ACTIVITY ->
Return the entries exactly as they appear.

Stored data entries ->
────────────────────
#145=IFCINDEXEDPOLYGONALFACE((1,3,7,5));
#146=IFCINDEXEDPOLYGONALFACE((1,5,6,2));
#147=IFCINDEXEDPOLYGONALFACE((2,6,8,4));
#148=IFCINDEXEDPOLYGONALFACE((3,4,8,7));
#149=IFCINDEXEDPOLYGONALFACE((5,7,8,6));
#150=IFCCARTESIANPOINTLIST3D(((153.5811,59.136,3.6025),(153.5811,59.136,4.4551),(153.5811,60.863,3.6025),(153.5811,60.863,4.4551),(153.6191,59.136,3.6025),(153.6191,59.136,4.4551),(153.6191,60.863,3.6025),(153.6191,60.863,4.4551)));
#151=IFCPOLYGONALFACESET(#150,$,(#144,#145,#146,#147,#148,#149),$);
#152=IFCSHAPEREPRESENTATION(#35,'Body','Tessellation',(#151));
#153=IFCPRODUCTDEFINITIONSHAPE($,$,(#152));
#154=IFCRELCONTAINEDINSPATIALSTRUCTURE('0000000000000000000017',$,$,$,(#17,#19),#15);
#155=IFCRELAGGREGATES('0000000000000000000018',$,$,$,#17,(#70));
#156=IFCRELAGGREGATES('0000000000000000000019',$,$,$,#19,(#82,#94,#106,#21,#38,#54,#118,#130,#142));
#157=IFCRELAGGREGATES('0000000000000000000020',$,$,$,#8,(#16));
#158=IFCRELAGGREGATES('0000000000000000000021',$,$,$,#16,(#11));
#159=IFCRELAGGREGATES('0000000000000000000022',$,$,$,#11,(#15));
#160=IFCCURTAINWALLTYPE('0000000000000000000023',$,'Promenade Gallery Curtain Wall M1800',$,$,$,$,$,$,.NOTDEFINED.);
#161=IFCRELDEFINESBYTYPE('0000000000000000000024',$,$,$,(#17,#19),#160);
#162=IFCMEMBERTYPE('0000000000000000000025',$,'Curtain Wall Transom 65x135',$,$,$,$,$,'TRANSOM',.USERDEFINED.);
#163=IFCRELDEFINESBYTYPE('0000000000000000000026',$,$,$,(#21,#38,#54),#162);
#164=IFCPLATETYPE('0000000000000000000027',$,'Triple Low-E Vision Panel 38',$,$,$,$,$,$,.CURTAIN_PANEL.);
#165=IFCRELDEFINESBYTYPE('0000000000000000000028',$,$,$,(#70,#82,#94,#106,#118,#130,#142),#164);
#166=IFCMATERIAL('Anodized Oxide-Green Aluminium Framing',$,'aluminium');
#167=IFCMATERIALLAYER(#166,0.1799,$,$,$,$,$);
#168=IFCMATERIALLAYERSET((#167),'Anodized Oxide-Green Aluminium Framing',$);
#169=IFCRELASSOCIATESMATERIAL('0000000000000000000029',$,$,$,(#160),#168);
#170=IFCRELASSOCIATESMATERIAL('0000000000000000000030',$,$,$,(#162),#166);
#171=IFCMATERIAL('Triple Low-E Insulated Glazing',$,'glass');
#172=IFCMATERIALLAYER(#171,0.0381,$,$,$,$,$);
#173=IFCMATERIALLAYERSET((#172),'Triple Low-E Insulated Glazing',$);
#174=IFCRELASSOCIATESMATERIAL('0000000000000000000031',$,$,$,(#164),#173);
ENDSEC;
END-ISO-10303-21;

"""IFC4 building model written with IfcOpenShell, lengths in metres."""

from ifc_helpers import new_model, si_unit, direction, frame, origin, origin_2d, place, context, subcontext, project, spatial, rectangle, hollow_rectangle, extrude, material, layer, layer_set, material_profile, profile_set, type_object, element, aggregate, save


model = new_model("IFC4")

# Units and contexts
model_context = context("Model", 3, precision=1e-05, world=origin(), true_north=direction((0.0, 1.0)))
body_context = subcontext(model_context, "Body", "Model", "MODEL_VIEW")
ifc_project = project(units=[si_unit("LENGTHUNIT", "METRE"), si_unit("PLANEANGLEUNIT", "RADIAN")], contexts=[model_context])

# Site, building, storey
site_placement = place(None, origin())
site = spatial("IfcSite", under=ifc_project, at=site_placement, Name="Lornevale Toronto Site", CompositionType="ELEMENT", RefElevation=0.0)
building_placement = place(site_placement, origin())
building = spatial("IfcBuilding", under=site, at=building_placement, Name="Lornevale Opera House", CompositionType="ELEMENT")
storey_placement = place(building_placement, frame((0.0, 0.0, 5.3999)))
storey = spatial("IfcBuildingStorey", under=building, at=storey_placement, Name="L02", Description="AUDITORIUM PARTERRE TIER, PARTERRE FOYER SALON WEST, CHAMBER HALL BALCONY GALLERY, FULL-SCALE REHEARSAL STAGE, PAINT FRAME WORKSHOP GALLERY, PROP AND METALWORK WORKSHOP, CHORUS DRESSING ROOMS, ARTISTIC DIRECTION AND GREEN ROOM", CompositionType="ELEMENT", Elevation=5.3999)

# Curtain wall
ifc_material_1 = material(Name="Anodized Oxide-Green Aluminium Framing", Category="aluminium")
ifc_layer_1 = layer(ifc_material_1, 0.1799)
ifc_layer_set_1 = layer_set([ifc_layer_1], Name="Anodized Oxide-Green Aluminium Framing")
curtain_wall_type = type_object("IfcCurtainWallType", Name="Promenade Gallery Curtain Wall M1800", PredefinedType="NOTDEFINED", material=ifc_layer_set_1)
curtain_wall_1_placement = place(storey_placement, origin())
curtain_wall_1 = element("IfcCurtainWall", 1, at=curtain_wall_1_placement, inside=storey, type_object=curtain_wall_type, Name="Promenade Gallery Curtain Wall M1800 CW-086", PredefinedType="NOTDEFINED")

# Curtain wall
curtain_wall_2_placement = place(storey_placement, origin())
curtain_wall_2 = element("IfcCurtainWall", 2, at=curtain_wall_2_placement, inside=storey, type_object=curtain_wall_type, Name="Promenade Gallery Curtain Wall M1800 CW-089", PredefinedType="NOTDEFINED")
────────────────────
SOLUTION BELOW ->
#145=IFCINDEXEDPOLYGONALFACE((1,3,7,5));
#146=IFCINDEXEDPOLYGONALFACE((1,5,6,2));
#147=IFCINDEXEDPOLYGONALFACE((2,6,8,4));
#148=IFCINDEXEDPOLYGONALFACE((3,4,8,7));
#149=IFCINDEXEDPOLYGONALFACE((5,7,8,6));
#150=IFCCARTESIANPOINTLIST3D(((153.5811,59.136,3.6025),(153.5811,59.136,4.4551),(153.5811,60.863,3.6025),(153.5811,60.863,4.4551),(153.6191,59.136,3.6025),(153.6191,59.136,4.4551),(153.6191,60.863,3.6025),(153.6191,60.863,4.4551)));
#151=IFCPOLYGONALFACESET(#150,$,(#144,#145,#146,#147,#148,#149),$);
#152=IFCSHAPEREPRESENTATION(#35,'Body','Tessellation',(#151));
#153=IFCPRODUCTDEFINITIONSHAPE($,$,(#152));
#154=IFCRELCONTAINEDINSPATIALSTRUCTURE('0000000000000000000017',$,$,$,(#17,#19),#15);
#155=IFCRELAGGREGATES('0000000000000000000018',$,$,$,#17,(#70));
#156=IFCRELAGGREGATES('0000000000000000000019',$,$,$,#19,(#82,#94,#106,#21,#38,#54,#118,#130,#142));
#157=IFCRELAGGREGATES('0000000000000000000020',$,$,$,#8,(#16));
#158=IFCRELAGGREGATES('0000000000000000000021',$,$,$,#16,(#11));
#159=IFCRELAGGREGATES('0000000000000000000022',$,$,$,#11,(#15));
#160=IFCCURTAINWALLTYPE('0000000000000000000023',$,'Promenade Gallery Curtain Wall M1800',$,$,$,$,$,$,.NOTDEFINED.);
#161=IFCRELDEFINESBYTYPE('0000000000000000000024',$,$,$,(#17,#19),#160);
#162=IFCMEMBERTYPE('0000000000000000000025',$,'Curtain Wall Transom 65x135',$,$,$,$,$,'TRANSOM',.USERDEFINED.);
#163=IFCRELDEFINESBYTYPE('0000000000000000000026',$,$,$,(#21,#38,#54),#162);
#164=IFCPLATETYPE('0000000000000000000027',$,'Triple Low-E Vision Panel 38',$,$,$,$,$,$,.CURTAIN_PANEL.);
#165=IFCRELDEFINESBYTYPE('0000000000000000000028',$,$,$,(#70,#82,#94,#106,#118,#130,#142),#164);
#166=IFCMATERIAL('Anodized Oxide-Green Aluminium Framing',$,'aluminium');
#167=IFCMATERIALLAYER(#166,0.1799,$,$,$,$,$);
#168=IFCMATERIALLAYERSET((#167),'Anodized Oxide-Green Aluminium Framing',$);
#169=IFCRELASSOCIATESMATERIAL('0000000000000000000029',$,$,$,(#160),#168);
#170=IFCRELASSOCIATESMATERIAL('0000000000000000000030',$,$,$,(#162),#166);
#171=IFCMATERIAL('Triple Low-E Insulated Glazing',$,'glass');
#172=IFCMATERIALLAYER(#171,0.0381,$,$,$,$,$);
#173=IFCMATERIALLAYERSET((#172),'Triple Low-E Insulated Glazing',$);
#174=IFCRELASSOCIATESMATERIAL('0000000000000000000031',$,$,$,(#164),#173);
ENDSEC;
END-ISO-10303-21;

"""IFC4 building model written with IfcOpenShell, lengths in metres."""

from ifc_helpers import new_model, si_unit, direction, frame, origin, origin_2d, place, context, subcontext, project, spatial, rectangle, hollow_rectangle, extrude, material, layer, layer_set, material_profile, profile_set, type_object, element, aggregate, save


model = new_model("IFC4")

# Units and contexts
model_context = context("Model", 3, precision=1e-05, world=origin(), true_north=direction((0.0, 1.0)))
body_context = subcontext(model_context, "Body", "Model", "MODEL_VIEW")
ifc_project = project(units=[si_unit("LENGTHUNIT", "METRE"), si_unit("PLANEANGLEUNIT", "RADIAN")], contexts=[model_context])

# Site, building, storey
site_placement = place(None, origin())
site = spatial("IfcSite", under=ifc_project, at=site_placement, Name="Lornevale Toronto Site", CompositionType="ELEMENT", RefElevation=0.0)
building_placement = place(site_placement, origin())
building = spatial("IfcBuilding", under=site, at=building_placement, Name="Lornevale Opera House", CompositionType="ELEMENT")
storey_placement = place(building_placement, frame((0.0, 0.0, 5.3999)))
storey = spatial("IfcBuildingStorey", under=building, at=storey_placement, Name="L02", Description="AUDITORIUM PARTERRE TIER, PARTERRE FOYER SALON WEST, CHAMBER HALL BALCONY GALLERY, FULL-SCALE REHEARSAL STAGE, PAINT FRAME WORKSHOP GALLERY, PROP AND METALWORK WORKSHOP, CHORUS DRESSING ROOMS, ARTISTIC DIRECTION AND GREEN ROOM", CompositionType="ELEMENT", Elevation=5.3999)

# Curtain wall
ifc_material_1 = material(Name="Anodized Oxide-Green Aluminium Framing", Category="aluminium")
ifc_layer_1 = layer(ifc_material_1, 0.1799)
ifc_layer_set_1 = layer_set([ifc_layer_1], Name="Anodized Oxide-Green Aluminium Framing")
curtain_wall_type = type_object("IfcCurtainWallType", Name="Promenade Gallery Curtain Wall M1800", PredefinedType="NOTDEFINED", material=ifc_layer_set_1)
curtain_wall_1_placement = place(storey_placement, origin())
curtain_wall_1 = element("IfcCurtainWall", 1, at=curtain_wall_1_placement, inside=storey, type_object=curtain_wall_type, Name="Promenade Gallery Curtain Wall M1800 CW-086", PredefinedType="NOTDEFINED")

# Curtain wall
curtain_wall_2_placement = place(storey_placement, origin())
curtain_wall_2 = element("IfcCurtainWall", 2, at=curtain_wall_2_placement, inside=storey, type_object=curtain_wall_type, Name="Promenade Gallery Curtain Wall M1800 CW-089", PredefinedType="NOTDEFINED")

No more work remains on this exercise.